(Collected data)
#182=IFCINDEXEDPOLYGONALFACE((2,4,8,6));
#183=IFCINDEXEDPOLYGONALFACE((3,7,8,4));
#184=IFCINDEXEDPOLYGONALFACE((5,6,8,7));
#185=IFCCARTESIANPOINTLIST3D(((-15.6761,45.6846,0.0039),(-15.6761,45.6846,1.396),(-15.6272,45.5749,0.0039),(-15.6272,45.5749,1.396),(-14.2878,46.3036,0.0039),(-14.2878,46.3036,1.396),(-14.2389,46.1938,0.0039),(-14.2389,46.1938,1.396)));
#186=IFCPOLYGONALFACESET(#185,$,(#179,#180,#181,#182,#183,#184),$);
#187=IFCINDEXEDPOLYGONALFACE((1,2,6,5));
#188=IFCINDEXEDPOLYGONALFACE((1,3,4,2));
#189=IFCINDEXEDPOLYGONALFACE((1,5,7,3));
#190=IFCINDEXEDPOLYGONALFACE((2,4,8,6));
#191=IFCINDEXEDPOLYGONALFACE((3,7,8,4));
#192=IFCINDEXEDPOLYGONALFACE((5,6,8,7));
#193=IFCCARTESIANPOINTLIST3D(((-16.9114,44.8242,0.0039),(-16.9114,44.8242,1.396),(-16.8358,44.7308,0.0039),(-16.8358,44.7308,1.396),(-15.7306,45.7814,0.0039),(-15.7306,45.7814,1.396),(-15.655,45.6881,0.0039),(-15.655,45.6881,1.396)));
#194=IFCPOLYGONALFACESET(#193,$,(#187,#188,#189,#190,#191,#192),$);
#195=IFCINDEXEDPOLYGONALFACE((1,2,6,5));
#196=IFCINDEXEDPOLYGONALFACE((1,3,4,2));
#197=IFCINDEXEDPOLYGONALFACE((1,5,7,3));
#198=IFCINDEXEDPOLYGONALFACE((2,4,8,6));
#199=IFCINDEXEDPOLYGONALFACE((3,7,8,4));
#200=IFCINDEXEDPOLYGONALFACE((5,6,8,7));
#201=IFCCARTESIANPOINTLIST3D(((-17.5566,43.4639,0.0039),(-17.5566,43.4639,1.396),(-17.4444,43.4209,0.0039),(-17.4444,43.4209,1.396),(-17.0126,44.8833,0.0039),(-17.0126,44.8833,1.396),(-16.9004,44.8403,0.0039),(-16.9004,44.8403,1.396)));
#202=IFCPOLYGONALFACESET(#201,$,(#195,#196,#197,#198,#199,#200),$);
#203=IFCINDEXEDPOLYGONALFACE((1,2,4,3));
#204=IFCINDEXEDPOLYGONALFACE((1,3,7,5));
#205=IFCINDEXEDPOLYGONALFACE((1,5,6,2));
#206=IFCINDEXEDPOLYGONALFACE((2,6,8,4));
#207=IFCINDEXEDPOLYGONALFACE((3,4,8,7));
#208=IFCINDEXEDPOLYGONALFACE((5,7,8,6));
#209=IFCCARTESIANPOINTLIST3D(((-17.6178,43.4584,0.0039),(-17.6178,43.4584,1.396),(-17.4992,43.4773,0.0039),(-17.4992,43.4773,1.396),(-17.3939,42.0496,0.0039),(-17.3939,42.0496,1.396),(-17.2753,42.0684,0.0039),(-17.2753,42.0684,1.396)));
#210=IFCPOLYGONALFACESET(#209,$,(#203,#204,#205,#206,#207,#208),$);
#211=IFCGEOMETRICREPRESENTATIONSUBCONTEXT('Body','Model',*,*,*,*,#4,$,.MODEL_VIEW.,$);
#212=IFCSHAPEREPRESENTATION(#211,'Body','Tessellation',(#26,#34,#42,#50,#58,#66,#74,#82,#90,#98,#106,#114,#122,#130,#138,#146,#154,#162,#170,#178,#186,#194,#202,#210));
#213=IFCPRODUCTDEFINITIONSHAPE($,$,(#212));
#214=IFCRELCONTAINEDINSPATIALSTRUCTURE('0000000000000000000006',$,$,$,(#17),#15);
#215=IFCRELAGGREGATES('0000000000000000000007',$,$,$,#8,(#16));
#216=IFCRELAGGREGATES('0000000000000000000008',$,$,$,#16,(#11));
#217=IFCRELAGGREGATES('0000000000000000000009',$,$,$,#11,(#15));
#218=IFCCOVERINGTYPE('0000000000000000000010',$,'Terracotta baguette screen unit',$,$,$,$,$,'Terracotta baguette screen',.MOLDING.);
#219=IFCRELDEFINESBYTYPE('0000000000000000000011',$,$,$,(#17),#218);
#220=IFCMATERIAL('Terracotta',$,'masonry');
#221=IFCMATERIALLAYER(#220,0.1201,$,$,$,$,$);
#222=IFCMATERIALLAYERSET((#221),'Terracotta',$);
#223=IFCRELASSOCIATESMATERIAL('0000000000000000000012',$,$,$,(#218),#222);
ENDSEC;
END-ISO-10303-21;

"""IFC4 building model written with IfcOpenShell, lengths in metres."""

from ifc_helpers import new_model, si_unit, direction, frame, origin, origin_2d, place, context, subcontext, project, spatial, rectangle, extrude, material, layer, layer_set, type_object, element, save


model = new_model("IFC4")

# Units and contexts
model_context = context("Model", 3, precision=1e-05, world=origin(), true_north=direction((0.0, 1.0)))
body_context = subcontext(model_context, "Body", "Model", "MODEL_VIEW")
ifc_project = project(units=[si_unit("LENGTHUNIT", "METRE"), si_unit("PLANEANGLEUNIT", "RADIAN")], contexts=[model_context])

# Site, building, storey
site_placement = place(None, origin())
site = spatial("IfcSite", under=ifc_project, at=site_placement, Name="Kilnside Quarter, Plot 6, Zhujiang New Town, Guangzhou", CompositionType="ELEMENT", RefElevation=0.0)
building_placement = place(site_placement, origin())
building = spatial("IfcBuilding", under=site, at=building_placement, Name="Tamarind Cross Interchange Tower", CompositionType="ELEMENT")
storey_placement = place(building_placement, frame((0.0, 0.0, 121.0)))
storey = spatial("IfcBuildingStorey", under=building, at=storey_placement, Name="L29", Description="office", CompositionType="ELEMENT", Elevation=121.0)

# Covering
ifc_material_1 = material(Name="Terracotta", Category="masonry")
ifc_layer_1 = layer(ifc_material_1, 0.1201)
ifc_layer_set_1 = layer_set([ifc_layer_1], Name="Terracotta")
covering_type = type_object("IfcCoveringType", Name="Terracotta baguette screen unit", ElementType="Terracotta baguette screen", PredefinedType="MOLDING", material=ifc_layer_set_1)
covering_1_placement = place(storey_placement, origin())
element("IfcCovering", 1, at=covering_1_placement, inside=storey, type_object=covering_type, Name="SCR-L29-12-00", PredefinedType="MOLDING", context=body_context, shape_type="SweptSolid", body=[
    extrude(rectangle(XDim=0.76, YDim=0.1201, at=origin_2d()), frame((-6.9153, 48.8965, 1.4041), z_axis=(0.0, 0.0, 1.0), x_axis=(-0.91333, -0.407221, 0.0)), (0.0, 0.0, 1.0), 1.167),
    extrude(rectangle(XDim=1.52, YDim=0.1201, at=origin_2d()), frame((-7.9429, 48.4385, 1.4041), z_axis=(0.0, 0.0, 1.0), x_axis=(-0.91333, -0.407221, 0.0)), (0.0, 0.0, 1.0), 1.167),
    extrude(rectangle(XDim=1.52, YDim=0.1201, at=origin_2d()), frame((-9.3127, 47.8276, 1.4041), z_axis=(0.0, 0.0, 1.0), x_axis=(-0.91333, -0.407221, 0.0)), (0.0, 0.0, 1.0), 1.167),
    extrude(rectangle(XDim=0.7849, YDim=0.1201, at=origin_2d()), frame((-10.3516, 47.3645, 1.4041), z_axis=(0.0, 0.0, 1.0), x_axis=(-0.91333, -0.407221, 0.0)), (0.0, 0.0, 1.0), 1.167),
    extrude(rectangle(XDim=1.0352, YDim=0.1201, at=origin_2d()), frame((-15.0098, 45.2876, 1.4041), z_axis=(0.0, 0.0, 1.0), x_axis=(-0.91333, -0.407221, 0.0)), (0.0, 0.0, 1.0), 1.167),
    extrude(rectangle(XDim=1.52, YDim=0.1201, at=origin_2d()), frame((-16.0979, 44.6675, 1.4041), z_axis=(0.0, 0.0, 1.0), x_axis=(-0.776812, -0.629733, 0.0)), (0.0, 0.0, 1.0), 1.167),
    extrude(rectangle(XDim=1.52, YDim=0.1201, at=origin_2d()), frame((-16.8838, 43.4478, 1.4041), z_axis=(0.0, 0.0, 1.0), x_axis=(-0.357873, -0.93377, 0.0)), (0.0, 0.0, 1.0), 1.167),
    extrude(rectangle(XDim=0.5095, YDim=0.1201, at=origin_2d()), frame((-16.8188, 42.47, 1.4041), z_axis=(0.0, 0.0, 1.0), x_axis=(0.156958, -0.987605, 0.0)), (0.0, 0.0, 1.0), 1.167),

#### AIM OF THE TASK:
Your answer should be all lines from the data that contain "PredefinedType".

#### RESULT FOR THIS TASK:
covering_type = type_object("IfcCoveringType", Name="Terracotta baguette screen unit", ElementType="Terracotta baguette screen", PredefinedType="MOLDING", material=ifc_layer_set_1)
element("IfcCovering", 1, at=covering_1_placement, inside=storey, type_object=covering_type, Name="SCR-L29-12-00", PredefinedType="MOLDING", context=body_context, shape_type="SweptSolid", body=[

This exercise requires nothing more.